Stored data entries
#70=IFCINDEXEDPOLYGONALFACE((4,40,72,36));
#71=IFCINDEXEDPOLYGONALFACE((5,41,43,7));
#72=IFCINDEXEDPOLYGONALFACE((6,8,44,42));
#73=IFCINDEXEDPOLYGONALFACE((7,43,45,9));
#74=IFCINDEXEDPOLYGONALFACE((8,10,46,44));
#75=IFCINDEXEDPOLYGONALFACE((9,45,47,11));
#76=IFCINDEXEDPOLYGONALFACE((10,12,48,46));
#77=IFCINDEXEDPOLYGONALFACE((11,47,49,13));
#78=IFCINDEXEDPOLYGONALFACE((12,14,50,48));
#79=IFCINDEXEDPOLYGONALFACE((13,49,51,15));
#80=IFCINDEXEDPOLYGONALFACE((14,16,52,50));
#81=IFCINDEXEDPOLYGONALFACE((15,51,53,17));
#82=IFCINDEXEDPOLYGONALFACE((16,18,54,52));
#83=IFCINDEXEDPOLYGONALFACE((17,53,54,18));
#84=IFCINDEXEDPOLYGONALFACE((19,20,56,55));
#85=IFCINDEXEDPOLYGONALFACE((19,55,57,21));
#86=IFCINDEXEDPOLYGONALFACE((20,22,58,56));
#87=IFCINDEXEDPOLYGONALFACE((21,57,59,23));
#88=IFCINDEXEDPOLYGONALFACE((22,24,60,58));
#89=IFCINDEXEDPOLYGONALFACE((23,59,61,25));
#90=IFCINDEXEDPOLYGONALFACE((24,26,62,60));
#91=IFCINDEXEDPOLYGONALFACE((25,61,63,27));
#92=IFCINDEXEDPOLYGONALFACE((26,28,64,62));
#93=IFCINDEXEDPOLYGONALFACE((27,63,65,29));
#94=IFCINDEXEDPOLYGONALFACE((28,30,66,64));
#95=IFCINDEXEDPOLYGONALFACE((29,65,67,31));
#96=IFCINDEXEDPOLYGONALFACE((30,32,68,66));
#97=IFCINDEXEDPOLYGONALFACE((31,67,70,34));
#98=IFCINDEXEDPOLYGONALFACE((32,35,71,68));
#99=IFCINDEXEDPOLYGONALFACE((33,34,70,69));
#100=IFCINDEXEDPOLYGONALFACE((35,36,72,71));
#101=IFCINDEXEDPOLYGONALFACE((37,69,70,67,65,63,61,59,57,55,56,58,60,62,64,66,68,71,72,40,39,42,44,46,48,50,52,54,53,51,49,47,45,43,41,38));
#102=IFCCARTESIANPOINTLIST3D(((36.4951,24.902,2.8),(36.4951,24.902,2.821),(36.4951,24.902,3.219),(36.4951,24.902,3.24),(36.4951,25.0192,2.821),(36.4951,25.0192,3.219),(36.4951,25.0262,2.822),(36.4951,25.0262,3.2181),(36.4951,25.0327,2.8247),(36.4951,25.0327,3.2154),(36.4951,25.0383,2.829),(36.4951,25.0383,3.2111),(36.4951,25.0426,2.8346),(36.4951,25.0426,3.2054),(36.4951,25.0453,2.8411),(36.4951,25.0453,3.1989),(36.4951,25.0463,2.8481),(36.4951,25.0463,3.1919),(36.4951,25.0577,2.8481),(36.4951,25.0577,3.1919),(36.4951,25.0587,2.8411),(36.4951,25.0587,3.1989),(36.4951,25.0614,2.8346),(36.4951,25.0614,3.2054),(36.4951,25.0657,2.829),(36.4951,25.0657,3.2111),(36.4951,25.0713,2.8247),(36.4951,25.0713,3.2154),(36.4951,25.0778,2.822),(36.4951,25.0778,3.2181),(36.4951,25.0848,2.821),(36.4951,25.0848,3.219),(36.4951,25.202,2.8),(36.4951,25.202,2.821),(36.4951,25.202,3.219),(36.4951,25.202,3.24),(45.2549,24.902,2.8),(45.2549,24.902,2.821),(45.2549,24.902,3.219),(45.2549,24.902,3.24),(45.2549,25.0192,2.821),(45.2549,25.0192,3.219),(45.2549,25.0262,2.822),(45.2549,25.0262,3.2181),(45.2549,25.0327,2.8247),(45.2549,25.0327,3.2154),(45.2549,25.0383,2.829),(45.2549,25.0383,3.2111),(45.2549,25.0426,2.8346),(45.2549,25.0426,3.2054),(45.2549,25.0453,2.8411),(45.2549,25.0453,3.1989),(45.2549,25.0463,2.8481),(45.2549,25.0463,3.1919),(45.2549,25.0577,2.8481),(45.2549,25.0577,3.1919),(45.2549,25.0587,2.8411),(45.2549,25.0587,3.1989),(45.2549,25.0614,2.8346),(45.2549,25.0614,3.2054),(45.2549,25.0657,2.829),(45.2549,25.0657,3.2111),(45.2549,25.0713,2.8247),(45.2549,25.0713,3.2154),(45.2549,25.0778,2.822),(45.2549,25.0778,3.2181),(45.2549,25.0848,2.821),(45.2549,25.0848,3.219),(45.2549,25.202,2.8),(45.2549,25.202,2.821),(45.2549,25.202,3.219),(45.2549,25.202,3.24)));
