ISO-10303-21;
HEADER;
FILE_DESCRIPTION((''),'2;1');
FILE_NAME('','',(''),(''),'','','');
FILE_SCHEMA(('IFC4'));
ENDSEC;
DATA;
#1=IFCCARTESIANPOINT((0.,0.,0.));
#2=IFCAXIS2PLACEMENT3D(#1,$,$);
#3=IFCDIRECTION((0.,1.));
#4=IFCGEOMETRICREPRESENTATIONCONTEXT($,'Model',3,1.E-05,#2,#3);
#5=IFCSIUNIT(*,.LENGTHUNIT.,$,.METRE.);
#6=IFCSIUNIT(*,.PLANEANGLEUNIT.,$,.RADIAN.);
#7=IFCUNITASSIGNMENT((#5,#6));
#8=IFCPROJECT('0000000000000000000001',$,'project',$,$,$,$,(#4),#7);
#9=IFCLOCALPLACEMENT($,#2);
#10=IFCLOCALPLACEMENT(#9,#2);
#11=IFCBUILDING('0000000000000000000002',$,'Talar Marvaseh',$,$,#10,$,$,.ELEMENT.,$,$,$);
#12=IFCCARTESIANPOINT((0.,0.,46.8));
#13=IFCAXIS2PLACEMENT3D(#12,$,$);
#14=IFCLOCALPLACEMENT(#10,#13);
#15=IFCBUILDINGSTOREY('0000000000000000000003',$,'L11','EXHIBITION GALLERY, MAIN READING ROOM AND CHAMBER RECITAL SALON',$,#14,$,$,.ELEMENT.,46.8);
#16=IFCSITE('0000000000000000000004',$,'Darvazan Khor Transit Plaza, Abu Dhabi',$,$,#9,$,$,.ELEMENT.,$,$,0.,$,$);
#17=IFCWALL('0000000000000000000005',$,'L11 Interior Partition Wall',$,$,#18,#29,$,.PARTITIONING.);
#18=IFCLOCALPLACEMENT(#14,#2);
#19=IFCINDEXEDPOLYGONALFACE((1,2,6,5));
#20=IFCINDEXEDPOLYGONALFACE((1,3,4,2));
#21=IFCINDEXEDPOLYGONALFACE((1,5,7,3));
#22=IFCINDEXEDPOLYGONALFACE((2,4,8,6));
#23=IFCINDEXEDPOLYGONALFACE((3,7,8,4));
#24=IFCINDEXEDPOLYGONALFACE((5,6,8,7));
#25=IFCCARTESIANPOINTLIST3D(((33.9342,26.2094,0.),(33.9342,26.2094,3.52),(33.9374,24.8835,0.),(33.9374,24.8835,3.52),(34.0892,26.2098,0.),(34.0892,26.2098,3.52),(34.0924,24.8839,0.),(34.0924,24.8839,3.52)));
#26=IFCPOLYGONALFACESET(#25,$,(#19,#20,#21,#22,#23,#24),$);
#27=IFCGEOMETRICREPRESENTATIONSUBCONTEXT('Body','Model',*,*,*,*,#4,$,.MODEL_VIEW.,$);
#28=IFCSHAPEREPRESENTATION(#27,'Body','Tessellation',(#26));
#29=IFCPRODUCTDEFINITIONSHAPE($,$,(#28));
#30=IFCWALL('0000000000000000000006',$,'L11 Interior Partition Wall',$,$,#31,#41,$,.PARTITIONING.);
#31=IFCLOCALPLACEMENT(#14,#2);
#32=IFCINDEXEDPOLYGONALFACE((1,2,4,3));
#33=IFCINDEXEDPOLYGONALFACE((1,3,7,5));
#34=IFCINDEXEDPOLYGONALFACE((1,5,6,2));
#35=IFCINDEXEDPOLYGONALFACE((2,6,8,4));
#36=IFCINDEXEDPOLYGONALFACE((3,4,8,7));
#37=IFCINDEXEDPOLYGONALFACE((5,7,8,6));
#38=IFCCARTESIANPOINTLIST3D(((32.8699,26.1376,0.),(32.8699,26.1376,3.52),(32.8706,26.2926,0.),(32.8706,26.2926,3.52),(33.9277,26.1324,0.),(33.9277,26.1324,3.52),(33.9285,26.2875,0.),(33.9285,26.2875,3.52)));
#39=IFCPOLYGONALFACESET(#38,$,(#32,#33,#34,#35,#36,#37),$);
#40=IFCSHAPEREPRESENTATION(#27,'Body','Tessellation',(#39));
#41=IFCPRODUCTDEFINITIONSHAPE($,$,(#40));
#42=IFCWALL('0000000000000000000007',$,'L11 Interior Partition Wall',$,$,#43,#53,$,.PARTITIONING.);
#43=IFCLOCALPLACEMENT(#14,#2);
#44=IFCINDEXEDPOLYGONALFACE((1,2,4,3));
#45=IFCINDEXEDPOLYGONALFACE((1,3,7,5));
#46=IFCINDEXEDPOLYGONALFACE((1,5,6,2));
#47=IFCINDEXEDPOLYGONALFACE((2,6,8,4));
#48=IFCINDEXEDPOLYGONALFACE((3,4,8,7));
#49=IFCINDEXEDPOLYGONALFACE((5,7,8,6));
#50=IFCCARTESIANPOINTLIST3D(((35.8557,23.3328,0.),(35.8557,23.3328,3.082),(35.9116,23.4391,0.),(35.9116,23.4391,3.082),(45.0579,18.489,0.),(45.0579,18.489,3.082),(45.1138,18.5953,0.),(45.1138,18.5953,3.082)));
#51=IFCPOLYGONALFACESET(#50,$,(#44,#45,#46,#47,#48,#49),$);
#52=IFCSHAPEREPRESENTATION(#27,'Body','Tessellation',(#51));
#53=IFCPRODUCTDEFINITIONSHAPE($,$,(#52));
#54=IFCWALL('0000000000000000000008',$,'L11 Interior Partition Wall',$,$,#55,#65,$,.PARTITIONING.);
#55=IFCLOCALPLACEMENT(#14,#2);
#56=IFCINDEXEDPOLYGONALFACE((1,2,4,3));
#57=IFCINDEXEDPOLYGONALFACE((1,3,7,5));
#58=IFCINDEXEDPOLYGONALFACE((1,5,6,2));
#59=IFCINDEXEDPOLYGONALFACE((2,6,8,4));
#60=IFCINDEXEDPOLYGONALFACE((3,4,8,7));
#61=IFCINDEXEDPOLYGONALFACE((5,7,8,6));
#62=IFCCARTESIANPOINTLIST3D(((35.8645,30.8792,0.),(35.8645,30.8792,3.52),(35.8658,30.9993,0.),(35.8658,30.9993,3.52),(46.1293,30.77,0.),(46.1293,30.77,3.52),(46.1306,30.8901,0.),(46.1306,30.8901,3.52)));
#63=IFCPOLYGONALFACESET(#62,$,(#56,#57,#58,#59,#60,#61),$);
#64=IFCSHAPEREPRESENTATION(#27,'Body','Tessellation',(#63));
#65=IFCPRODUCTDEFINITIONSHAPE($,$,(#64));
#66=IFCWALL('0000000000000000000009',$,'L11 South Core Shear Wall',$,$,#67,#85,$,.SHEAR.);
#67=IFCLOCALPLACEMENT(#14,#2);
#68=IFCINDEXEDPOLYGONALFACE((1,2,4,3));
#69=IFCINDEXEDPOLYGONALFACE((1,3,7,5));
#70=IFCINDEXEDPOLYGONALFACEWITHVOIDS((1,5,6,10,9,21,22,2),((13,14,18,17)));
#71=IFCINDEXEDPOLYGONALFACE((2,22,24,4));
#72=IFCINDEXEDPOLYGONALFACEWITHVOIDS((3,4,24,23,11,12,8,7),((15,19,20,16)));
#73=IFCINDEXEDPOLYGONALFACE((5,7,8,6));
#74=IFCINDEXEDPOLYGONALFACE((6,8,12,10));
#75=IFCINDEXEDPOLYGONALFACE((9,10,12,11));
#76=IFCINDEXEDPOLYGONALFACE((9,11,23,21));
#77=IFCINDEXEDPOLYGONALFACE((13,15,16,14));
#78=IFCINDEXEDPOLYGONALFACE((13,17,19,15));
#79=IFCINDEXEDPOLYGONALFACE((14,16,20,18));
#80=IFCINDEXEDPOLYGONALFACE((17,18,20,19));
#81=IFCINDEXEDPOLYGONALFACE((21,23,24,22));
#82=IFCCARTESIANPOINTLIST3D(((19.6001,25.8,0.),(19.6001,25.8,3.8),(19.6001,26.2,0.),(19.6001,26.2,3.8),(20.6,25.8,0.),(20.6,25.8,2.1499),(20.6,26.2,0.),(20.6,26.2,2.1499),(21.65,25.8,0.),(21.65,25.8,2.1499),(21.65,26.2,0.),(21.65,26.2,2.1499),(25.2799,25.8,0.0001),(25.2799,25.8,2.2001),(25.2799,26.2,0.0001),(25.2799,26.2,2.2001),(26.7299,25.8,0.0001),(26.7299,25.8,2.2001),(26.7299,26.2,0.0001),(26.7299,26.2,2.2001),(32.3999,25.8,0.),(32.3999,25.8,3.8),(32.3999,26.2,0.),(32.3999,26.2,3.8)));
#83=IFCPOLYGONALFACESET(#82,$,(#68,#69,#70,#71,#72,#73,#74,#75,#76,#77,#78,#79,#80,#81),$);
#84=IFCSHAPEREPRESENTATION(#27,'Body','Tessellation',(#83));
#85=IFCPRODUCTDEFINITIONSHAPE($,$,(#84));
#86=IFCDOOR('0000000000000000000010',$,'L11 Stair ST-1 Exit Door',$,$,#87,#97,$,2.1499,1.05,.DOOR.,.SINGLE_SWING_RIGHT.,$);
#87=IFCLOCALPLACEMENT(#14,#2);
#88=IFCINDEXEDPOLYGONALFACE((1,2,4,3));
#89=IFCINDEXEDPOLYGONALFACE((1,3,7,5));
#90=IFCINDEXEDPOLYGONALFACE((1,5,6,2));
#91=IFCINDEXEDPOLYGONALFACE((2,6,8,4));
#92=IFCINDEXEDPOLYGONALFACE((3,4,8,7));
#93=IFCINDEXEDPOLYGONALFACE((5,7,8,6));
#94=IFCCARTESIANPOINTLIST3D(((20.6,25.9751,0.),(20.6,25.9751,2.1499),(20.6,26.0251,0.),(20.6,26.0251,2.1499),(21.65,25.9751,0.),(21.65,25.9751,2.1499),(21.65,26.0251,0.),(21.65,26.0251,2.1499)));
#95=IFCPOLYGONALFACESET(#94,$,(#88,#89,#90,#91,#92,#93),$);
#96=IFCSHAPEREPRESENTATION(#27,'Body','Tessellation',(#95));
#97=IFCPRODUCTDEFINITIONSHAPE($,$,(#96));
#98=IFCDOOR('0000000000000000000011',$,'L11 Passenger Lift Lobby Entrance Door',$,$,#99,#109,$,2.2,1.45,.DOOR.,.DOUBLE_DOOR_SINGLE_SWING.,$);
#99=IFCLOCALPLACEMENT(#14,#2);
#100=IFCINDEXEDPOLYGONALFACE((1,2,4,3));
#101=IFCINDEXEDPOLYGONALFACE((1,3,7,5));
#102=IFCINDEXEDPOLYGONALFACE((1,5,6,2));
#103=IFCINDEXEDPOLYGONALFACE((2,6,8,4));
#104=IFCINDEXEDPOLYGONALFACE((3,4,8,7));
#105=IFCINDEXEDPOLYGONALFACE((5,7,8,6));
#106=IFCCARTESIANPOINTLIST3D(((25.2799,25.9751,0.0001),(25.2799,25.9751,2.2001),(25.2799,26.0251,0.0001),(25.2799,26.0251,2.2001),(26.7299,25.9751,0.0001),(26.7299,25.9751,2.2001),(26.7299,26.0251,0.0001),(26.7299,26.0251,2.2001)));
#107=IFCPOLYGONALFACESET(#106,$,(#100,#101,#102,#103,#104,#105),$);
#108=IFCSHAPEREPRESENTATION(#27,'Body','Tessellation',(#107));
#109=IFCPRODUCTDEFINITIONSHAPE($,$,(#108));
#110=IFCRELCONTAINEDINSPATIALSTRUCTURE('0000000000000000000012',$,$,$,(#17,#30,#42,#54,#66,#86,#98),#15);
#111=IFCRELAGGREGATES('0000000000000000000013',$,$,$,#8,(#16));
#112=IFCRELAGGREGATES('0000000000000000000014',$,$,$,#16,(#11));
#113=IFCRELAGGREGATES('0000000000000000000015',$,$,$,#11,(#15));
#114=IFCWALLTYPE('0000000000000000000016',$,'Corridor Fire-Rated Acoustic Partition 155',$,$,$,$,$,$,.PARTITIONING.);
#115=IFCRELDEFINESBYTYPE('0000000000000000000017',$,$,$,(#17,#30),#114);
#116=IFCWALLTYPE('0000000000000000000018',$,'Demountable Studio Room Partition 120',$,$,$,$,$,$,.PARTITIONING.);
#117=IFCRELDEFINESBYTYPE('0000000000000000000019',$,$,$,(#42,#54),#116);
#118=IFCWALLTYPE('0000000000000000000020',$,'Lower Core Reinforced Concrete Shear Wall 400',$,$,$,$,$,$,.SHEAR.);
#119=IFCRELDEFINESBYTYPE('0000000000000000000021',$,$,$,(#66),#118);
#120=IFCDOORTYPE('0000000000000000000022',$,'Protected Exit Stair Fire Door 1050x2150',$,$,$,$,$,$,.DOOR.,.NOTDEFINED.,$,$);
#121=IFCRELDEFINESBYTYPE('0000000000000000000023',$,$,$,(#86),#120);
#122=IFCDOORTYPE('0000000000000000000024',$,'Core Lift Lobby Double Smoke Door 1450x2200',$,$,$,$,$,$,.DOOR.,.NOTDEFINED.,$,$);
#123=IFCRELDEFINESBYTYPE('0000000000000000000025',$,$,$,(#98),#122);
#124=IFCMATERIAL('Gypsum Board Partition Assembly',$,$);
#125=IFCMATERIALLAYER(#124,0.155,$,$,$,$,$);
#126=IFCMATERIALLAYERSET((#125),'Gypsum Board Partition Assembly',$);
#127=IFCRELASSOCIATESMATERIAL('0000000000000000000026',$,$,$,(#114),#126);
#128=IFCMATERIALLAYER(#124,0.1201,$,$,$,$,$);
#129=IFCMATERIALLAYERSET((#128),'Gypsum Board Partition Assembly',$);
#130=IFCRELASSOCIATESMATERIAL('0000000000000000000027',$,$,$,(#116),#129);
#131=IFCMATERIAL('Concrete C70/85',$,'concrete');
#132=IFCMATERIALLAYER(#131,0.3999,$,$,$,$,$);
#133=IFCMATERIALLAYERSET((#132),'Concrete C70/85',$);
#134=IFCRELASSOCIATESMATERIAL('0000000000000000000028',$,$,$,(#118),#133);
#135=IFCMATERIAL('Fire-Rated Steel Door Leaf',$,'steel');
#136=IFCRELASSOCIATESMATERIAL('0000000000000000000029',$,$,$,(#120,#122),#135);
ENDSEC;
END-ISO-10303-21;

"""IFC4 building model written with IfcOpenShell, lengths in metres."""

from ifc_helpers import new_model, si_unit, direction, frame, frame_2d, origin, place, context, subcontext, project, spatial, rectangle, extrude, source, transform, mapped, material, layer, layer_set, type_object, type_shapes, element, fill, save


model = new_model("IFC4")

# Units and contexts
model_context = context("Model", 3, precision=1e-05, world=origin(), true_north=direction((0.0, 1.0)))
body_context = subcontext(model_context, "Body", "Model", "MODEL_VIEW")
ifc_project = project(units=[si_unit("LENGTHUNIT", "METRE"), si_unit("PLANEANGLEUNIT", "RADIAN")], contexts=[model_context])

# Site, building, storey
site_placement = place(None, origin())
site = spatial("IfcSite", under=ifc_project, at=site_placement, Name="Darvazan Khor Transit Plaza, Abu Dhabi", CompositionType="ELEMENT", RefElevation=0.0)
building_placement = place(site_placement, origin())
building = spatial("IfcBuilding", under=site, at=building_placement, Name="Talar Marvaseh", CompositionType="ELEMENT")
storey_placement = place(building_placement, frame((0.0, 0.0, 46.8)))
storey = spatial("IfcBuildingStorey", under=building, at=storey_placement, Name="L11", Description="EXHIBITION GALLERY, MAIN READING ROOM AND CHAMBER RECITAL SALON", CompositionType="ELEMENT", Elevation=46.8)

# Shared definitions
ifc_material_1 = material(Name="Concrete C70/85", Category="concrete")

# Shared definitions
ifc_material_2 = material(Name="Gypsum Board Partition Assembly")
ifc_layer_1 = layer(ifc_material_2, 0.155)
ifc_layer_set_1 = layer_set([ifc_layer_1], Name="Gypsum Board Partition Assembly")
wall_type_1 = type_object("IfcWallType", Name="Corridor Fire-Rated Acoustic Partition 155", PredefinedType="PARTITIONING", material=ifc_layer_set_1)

...

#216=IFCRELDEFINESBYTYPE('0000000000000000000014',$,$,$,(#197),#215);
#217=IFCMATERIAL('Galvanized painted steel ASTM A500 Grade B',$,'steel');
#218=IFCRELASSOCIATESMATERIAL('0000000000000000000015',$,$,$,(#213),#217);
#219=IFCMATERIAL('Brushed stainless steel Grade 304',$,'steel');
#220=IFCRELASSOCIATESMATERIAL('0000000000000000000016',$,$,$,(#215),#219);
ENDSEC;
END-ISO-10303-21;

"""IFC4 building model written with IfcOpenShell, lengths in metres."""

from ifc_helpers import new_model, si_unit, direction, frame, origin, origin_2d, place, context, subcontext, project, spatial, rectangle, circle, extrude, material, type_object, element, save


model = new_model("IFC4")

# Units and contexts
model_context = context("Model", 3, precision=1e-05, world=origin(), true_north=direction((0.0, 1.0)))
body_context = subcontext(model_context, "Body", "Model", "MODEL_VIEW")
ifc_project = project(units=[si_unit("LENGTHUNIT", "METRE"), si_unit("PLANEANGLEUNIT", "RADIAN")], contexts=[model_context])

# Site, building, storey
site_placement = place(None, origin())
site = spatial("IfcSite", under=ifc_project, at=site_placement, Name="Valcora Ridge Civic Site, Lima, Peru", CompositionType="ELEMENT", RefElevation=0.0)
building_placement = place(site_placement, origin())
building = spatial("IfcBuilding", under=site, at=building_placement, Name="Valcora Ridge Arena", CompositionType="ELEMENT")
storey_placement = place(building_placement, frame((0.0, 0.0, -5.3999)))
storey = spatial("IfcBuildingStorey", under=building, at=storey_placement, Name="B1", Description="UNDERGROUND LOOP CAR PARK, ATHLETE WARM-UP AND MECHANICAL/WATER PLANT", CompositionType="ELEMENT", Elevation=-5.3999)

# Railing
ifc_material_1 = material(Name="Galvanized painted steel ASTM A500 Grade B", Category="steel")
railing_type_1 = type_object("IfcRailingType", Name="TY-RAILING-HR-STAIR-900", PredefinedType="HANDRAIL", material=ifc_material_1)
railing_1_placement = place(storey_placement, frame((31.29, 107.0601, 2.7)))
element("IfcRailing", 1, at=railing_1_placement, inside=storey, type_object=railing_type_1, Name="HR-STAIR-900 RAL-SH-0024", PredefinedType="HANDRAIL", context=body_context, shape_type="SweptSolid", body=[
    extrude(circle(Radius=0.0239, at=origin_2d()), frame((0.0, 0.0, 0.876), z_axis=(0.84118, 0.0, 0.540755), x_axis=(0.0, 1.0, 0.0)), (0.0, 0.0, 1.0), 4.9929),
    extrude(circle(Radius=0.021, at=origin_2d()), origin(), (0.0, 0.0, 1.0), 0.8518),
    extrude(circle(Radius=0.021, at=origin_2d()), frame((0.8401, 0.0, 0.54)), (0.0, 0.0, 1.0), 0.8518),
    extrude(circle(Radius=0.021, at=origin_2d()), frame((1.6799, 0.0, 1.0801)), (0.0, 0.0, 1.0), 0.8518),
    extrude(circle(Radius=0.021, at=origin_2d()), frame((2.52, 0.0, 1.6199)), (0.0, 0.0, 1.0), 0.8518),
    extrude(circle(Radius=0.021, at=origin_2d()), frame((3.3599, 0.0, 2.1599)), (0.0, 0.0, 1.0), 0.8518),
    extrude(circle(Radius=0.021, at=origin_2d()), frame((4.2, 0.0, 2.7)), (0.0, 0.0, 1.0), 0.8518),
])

WHAT IS REQUIRED
Begin at the line that has "#78=IFCINDEXEDPOLYGONALFACE((12,14,50,48));" in the entries above; stop after the line that has "#90=IFCINDEXEDPOLYGONALFACE((24,26,62,60));". Transcribe exactly those lines and no others.

SOLUTION TO THIS EXERCISE
#78=IFCINDEXEDPOLYGONALFACE((12,14,50,48));
#79=IFCINDEXEDPOLYGONALFACE((13,49,51,15));
#80=IFCINDEXEDPOLYGONALFACE((14,16,52,50));
#81=IFCINDEXEDPOLYGONALFACE((15,51,53,17));
#82=IFCINDEXEDPOLYGONALFACE((16,18,54,52));
#83=IFCINDEXEDPOLYGONALFACE((17,53,54,18));
#84=IFCINDEXEDPOLYGONALFACE((19,20,56,55));
#85=IFCINDEXEDPOLYGONALFACE((19,55,57,21));
#86=IFCINDEXEDPOLYGONALFACE((20,22,58,56));
#87=IFCINDEXEDPOLYGONALFACE((21,57,59,23));
#88=IFCINDEXEDPOLYGONALFACE((22,24,60,58));
#89=IFCINDEXEDPOLYGONALFACE((23,59,61,25));
#90=IFCINDEXEDPOLYGONALFACE((24,26,62,60));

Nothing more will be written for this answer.